PROBLEM REQUIREMENTS: Using the listing below, print exactly everything from the line with "#19=IFCINDEXEDPOLYGONALFACE((1,2,12,11,9,10,8,7,5,6,4,3));" down to the line with "#30=IFCINDEXEDPOLYGONALFACE((9,21,22,10));", both included, and nothing more.
[[ STORED DATA, beginning ]]
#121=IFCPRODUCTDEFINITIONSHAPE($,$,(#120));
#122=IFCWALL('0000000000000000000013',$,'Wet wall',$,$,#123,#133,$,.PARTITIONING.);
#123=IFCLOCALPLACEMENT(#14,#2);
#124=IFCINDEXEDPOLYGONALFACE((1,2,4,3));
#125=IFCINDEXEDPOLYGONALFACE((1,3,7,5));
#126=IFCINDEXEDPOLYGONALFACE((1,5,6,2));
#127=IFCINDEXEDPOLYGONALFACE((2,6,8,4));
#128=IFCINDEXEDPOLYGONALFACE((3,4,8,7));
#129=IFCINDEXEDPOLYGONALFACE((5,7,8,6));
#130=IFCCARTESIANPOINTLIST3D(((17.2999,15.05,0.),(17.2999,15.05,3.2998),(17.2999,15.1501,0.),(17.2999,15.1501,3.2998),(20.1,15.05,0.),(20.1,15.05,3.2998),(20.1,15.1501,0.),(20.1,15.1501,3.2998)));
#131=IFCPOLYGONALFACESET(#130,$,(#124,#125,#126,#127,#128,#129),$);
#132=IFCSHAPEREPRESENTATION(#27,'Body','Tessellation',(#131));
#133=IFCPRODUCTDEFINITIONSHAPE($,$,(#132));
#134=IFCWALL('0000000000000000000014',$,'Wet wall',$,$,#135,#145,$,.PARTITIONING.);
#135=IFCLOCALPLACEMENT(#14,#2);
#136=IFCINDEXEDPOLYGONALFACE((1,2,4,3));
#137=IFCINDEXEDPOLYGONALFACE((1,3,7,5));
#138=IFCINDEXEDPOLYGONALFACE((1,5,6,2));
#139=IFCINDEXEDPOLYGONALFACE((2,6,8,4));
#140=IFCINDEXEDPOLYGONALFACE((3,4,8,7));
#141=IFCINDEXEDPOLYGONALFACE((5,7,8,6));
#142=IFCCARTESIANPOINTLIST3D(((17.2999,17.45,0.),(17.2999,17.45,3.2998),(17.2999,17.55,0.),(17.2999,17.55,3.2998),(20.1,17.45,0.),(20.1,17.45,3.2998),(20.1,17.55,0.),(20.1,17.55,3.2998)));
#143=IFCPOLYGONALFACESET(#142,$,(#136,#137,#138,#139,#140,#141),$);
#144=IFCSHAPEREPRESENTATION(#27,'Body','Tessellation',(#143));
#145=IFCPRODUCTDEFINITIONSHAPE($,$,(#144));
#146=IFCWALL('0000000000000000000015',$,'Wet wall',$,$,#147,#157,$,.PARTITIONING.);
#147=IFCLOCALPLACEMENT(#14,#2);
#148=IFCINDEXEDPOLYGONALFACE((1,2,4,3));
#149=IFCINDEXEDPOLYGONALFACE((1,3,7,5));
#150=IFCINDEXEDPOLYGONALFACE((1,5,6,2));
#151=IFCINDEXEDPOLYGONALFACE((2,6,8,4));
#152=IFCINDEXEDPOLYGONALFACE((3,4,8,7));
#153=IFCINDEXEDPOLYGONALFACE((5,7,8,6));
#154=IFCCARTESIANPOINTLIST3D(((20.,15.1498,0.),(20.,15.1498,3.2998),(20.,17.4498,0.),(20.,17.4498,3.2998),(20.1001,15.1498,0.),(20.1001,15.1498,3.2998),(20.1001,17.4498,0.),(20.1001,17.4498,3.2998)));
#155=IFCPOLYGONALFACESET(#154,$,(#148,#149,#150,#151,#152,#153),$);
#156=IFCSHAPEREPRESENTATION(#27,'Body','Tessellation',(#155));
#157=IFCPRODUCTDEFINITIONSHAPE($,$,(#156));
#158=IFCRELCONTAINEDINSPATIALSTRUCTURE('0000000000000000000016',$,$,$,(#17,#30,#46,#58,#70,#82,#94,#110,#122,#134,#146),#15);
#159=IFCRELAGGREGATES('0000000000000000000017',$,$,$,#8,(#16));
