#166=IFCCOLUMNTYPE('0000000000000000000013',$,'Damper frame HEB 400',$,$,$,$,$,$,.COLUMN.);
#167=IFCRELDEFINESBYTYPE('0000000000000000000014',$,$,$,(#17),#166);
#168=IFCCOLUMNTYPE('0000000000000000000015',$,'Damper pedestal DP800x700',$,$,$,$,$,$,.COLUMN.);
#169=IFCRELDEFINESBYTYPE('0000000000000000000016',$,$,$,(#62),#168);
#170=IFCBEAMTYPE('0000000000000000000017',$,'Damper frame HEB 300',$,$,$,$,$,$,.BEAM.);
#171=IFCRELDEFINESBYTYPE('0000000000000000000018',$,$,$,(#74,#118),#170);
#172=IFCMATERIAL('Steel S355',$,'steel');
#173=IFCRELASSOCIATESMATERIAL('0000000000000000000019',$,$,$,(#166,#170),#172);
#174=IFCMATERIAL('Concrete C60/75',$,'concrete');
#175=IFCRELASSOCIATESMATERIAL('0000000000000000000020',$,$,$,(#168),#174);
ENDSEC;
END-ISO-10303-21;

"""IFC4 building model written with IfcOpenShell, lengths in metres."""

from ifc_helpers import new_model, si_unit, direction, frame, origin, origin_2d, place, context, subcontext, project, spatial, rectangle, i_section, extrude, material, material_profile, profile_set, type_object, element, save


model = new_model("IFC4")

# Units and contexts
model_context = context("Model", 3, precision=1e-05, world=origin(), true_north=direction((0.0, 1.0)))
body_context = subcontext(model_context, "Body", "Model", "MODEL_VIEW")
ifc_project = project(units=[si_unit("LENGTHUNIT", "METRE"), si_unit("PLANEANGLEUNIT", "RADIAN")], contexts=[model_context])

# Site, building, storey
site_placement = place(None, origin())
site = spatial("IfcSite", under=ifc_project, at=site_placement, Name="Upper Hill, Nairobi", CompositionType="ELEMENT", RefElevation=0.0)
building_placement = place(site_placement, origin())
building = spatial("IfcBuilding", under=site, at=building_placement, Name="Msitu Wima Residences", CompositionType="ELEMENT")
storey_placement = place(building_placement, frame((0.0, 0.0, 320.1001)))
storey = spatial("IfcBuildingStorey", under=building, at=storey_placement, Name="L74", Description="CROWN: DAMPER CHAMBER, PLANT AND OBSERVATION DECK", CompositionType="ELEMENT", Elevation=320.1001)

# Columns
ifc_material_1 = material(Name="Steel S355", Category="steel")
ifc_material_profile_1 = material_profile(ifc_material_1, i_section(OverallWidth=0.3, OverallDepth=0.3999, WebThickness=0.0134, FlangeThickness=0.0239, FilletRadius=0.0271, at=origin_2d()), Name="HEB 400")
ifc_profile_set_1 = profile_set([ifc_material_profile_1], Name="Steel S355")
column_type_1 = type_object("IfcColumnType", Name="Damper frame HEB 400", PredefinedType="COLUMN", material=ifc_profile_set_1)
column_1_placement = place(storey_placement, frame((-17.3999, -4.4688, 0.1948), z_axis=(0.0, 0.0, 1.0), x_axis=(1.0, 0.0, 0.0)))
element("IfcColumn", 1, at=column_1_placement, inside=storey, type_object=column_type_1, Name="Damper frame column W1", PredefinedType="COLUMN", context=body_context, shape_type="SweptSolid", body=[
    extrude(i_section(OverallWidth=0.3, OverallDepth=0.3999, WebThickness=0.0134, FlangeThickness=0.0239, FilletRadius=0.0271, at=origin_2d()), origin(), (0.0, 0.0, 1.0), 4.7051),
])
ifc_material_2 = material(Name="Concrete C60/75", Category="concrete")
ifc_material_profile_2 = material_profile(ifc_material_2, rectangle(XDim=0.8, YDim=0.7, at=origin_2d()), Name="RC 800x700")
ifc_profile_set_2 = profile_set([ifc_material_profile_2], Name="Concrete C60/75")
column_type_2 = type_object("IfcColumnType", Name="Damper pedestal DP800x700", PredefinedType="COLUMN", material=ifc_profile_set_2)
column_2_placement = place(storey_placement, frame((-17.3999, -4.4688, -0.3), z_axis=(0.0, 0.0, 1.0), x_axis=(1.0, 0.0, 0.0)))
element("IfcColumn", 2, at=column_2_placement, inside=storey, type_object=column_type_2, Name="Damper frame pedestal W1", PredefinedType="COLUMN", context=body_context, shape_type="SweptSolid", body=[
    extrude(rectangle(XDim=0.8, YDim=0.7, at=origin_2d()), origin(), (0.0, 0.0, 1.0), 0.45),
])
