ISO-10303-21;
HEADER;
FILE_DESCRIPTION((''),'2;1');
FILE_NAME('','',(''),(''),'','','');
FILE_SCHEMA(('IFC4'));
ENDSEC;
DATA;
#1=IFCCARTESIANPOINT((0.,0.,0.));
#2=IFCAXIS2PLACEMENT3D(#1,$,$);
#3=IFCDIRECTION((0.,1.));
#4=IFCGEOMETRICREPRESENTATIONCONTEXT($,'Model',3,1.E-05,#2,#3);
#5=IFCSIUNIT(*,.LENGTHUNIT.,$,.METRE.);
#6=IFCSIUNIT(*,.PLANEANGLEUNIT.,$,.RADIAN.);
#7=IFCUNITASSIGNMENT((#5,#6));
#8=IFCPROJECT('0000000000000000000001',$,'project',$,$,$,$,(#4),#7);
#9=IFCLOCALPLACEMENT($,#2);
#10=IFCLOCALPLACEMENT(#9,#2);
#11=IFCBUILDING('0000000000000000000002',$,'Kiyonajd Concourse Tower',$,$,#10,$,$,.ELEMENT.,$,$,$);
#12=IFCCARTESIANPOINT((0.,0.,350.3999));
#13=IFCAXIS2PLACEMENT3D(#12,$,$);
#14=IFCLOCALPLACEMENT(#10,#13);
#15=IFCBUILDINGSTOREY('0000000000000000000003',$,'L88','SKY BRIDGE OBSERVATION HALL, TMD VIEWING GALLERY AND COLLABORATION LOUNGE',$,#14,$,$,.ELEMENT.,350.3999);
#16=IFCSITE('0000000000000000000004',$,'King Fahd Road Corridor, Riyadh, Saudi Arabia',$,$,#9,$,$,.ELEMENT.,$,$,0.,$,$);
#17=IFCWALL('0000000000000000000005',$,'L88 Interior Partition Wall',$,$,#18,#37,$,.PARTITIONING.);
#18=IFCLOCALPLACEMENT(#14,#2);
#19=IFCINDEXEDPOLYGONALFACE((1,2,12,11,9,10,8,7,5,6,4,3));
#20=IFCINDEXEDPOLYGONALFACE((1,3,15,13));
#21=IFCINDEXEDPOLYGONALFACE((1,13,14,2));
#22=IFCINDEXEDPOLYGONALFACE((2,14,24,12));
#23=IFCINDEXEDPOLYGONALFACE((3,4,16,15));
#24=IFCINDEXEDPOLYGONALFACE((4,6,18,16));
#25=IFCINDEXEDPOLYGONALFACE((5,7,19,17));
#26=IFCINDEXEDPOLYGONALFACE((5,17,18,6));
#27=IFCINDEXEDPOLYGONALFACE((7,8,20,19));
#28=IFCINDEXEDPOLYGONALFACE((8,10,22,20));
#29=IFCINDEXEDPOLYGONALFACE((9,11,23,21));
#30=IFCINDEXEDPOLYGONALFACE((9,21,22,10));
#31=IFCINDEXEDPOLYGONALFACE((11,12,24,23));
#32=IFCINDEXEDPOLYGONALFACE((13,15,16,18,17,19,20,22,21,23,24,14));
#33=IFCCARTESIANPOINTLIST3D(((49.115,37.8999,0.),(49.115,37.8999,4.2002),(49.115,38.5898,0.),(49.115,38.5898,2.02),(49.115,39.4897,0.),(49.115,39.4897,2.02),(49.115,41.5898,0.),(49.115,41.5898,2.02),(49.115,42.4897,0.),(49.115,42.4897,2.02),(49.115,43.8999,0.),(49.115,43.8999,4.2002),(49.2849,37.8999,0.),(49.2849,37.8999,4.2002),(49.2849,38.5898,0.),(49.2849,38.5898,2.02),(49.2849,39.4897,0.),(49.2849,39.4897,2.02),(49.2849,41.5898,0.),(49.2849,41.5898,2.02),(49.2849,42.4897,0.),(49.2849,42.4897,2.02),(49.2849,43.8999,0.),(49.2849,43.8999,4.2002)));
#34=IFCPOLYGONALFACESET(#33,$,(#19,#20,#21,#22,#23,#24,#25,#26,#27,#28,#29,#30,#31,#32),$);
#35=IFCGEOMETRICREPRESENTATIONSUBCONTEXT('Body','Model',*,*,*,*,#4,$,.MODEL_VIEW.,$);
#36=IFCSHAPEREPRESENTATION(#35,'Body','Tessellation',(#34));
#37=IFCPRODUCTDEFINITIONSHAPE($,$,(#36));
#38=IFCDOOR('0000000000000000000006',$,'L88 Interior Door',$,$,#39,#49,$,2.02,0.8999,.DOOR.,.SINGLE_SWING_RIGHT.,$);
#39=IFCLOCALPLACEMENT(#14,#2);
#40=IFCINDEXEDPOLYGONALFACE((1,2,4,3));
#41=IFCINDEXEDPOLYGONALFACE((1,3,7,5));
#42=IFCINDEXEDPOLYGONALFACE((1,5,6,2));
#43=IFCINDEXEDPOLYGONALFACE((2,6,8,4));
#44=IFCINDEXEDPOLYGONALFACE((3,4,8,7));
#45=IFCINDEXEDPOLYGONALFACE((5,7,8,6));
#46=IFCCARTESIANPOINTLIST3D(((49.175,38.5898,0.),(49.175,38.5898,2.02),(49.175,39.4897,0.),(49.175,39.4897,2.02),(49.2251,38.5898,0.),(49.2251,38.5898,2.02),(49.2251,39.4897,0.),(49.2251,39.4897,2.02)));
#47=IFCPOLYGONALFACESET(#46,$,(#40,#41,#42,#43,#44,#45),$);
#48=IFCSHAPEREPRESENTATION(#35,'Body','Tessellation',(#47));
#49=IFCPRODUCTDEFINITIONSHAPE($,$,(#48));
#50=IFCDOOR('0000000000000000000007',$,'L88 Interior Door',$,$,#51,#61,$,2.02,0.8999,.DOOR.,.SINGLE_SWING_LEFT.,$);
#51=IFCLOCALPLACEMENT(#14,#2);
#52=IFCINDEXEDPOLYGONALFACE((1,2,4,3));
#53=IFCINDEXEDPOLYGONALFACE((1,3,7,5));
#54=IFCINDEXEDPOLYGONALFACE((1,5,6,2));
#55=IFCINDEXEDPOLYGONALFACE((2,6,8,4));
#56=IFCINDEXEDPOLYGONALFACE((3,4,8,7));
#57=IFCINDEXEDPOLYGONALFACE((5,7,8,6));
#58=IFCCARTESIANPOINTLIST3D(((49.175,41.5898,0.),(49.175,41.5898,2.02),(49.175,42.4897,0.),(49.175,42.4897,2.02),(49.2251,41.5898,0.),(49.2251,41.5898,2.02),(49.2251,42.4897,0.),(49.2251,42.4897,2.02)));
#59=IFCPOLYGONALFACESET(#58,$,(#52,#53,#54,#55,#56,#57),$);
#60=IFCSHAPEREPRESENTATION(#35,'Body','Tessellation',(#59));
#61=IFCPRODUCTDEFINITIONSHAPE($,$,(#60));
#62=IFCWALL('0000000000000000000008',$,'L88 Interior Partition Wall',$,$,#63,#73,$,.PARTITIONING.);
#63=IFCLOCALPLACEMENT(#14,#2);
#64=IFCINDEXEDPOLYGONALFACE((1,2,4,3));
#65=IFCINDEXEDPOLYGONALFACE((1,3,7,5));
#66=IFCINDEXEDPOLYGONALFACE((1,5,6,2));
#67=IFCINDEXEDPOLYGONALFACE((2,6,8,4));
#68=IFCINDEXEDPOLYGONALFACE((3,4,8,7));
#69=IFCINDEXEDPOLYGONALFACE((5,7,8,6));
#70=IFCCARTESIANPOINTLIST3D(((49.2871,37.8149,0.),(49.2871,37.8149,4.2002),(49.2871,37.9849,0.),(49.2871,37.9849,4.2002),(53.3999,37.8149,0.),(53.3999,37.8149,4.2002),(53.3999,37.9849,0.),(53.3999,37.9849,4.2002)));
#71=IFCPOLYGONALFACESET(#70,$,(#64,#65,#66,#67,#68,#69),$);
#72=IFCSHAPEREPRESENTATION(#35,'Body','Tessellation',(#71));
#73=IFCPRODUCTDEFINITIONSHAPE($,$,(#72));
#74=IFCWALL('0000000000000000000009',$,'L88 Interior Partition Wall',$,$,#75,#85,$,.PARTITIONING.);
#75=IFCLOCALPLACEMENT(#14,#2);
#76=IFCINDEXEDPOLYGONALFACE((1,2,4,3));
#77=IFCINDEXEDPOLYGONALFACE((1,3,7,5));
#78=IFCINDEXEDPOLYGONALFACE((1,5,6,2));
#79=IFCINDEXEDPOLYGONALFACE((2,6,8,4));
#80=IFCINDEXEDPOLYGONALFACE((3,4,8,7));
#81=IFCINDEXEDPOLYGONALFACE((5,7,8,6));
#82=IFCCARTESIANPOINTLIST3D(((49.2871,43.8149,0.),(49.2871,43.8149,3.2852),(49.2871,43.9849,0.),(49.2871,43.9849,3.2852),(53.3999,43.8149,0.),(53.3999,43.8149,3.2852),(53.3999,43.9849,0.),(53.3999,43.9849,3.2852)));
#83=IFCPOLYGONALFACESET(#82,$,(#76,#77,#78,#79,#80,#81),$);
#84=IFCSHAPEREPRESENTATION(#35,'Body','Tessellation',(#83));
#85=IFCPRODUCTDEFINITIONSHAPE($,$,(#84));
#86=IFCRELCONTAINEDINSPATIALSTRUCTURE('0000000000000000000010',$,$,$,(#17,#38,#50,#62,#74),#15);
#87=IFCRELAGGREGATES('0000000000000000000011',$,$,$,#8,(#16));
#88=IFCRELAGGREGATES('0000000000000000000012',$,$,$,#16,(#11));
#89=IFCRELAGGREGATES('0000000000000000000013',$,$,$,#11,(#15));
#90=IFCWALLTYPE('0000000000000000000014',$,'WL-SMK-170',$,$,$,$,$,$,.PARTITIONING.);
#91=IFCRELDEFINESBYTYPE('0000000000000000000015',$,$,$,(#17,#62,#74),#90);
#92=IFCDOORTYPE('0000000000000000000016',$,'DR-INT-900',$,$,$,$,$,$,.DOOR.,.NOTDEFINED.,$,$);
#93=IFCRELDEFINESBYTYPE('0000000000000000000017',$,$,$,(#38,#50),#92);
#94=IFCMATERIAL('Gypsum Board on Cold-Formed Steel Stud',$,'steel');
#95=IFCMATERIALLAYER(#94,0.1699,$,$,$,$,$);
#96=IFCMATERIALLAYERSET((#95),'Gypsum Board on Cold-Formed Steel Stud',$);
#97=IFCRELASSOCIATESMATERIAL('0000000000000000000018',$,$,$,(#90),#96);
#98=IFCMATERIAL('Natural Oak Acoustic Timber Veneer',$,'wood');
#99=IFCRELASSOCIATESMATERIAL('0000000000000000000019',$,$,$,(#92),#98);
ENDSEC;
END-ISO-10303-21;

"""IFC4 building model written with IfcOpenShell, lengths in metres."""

from ifc_helpers import new_model, si_unit, direction, frame, frame_2d, origin, place, context, subcontext, project, spatial, rectangle, extrude, material, layer, layer_set, type_object, element, fill, save


model = new_model("IFC4")

# Units and contexts
model_context = context("Model", 3, precision=1e-05, world=origin(), true_north=direction((0.0, 1.0)))
body_context = subcontext(model_context, "Body", "Model", "MODEL_VIEW")
ifc_project = project(units=[si_unit("LENGTHUNIT", "METRE"), si_unit("PLANEANGLEUNIT", "RADIAN")], contexts=[model_context])

# Site, building, storey
site_placement = place(None, origin())
site = spatial("IfcSite", under=ifc_project, at=site_placement, Name="King Fahd Road Corridor, Riyadh, Saudi Arabia", CompositionType="ELEMENT", RefElevation=0.0)
building_placement = place(site_placement, origin())
building = spatial("IfcBuilding", under=site, at=building_placement, Name="Kiyonajd Concourse Tower", CompositionType="ELEMENT")
storey_placement = place(building_placement, frame((0.0, 0.0, 350.3999)))
storey = spatial("IfcBuildingStorey", under=building, at=storey_placement, Name="L88", Description="SKY BRIDGE OBSERVATION HALL, TMD VIEWING GALLERY AND COLLABORATION LOUNGE", CompositionType="ELEMENT", Elevation=350.3999)

# Shared definitions
ifc_material_1 = material(Name="Gypsum Board on Cold-Formed Steel Stud", Category="steel")

# Wall, openings, doors
ifc_layer_1 = layer(ifc_material_1, 0.1699)
ifc_layer_set_1 = layer_set([ifc_layer_1], Name="Gypsum Board on Cold-Formed Steel Stud")
wall_type_1 = type_object("IfcWallType", Name="WL-SMK-170", PredefinedType="PARTITIONING", material=ifc_layer_set_1)
wall_1_placement = place(storey_placement, frame((49.2, 37.8999, 0.0), z_axis=(0.0, 0.0, 1.0), x_axis=(0.0, 1.0, 0.0)))
wall_1 = element("IfcWall", 1, at=wall_1_placement, inside=storey, type_object=wall_type_1, Name="L88 Interior Partition Wall", PredefinedType="PARTITIONING", context=body_context, shape_type="SweptSolid", body=[
    extrude(rectangle(XDim=6.0, YDim=0.1699, at=frame_2d((3.0, 0.0))), origin(), (0.0, 0.0, 1.0), 4.2002),
])
opening_1_placement = place(wall_1_placement, frame((0.6899, 0.0, 0.0)))
opening_1 = element("IfcOpeningElement", 2, at=opening_1_placement, cuts=wall_1, PredefinedType="OPENING", context=body_context, shape_type="SweptSolid", body=[
    extrude(rectangle(XDim=0.8999, YDim=2.02, at=frame_2d((0.45, 1.01))), frame((0.0, 0.095, 0.0), z_axis=(0.0, -1.0, 0.0), x_axis=(1.0, 0.0, 0.0)), (0.0, 0.0, 1.0), 0.1899),
])
opening_2_placement = place(wall_1_placement, frame((3.6899, 0.0, 0.0)))
opening_2 = element("IfcOpeningElement", 3, at=opening_2_placement, cuts=wall_1, PredefinedType="OPENING", context=body_context, shape_type="SweptSolid", body=[
    extrude(rectangle(XDim=0.8999, YDim=2.02, at=frame_2d((0.45, 1.01))), frame((0.0, 0.095, 0.0), z_axis=(0.0, -1.0, 0.0), x_axis=(1.0, 0.0, 0.0)), (0.0, 0.0, 1.0), 0.1899),
])
ifc_material_2 = material(Name="Natural Oak Acoustic Timber Veneer", Category="wood")
door_type = type_object("IfcDoorType", Name="DR-INT-900", OperationType="NOTDEFINED", PredefinedType="DOOR", material=ifc_material_2)
door_1_placement = place(opening_1_placement, origin())
door_1 = element("IfcDoor", 4, at=door_1_placement, inside=storey, type_object=door_type, Name="L88 Interior Door", OperationType="SINGLE_SWING_RIGHT", OverallHeight=2.02, OverallWidth=0.8999, PredefinedType="DOOR", context=body_context, shape_type="SweptSolid", body=[
    extrude(rectangle(XDim=0.8999, YDim=2.02, at=frame_2d((0.45, 1.01))), frame((0.0, 0.0249, 0.0), z_axis=(0.0, -1.0, 0.0), x_axis=(1.0, 0.0, 0.0)), (0.0, 0.0, 1.0), 0.05),
])
fill(opening_1, door_1)
door_2_placement = place(opening_2_placement, origin())
door_2 = element("IfcDoor", 5, at=door_2_placement, inside=storey, type_object=door_type, Name="L88 Interior Door", OperationType="SINGLE_SWING_LEFT", OverallHeight=2.02, OverallWidth=0.8999, PredefinedType="DOOR", context=body_context, shape_type="SweptSolid", body=[
    extrude(rectangle(XDim=0.8999, YDim=2.02, at=frame_2d((0.45, 1.01))), frame((0.0, 0.0249, 0.0), z_axis=(0.0, -1.0, 0.0), x_axis=(1.0, 0.0, 0.0)), (0.0, 0.0, 1.0), 0.05),
])
fill(opening_2, door_2)

# Walls
wall_2_placement = place(storey_placement, frame((49.2871, 37.8999, 0.0), z_axis=(0.0, 0.0, 1.0), x_axis=(1.0, 0.0, 0.0)))
element("IfcWall", 6, at=wall_2_placement, inside=storey, type_object=wall_type_1, Name="L88 Interior Partition Wall", PredefinedType="PARTITIONING", context=body_context, shape_type="SweptSolid", body=[
    extrude(rectangle(XDim=4.1128, YDim=0.1699, at=frame_2d((2.0564, 0.0))), origin(), (0.0, 0.0, 1.0), 4.2002),
])
wall_3_placement = place(storey_placement, frame((49.2871, 43.8999, 0.0), z_axis=(0.0, 0.0, 1.0), x_axis=(1.0, 0.0, 0.0)))
element("IfcWall", 7, at=wall_3_placement, inside=storey, type_object=wall_type_1, Name="L88 Interior Partition Wall", PredefinedType="PARTITIONING", context=body_context, shape_type="SweptSolid", body=[
    extrude(rectangle(XDim=4.1128, YDim=0.1699, at=frame_2d((2.0564, 0.0))), origin(), (0.0, 0.0, 1.0), 3.2852),
])

save(model, "model.ifc")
[[ STORED DATA, end ]]
YOUR SOLUTION:
#19=IFCINDEXEDPOLYGONALFACE((1,2,12,11,9,10,8,7,5,6,4,3));
#20=IFCINDEXEDPOLYGONALFACE((1,3,15,13));
#21=IFCINDEXEDPOLYGONALFACE((1,13,14,2));
#22=IFCINDEXEDPOLYGONALFACE((2,14,24,12));
#23=IFCINDEXEDPOLYGONALFACE((3,4,16,15));
#24=IFCINDEXEDPOLYGONALFACE((4,6,18,16));
#25=IFCINDEXEDPOLYGONALFACE((5,7,19,17));
#26=IFCINDEXEDPOLYGONALFACE((5,17,18,6));
#27=IFCINDEXEDPOLYGONALFACE((7,8,20,19));
#28=IFCINDEXEDPOLYGONALFACE((8,10,22,20));
#29=IFCINDEXEDPOLYGONALFACE((9,11,23,21));
#30=IFCINDEXEDPOLYGONALFACE((9,21,22,10));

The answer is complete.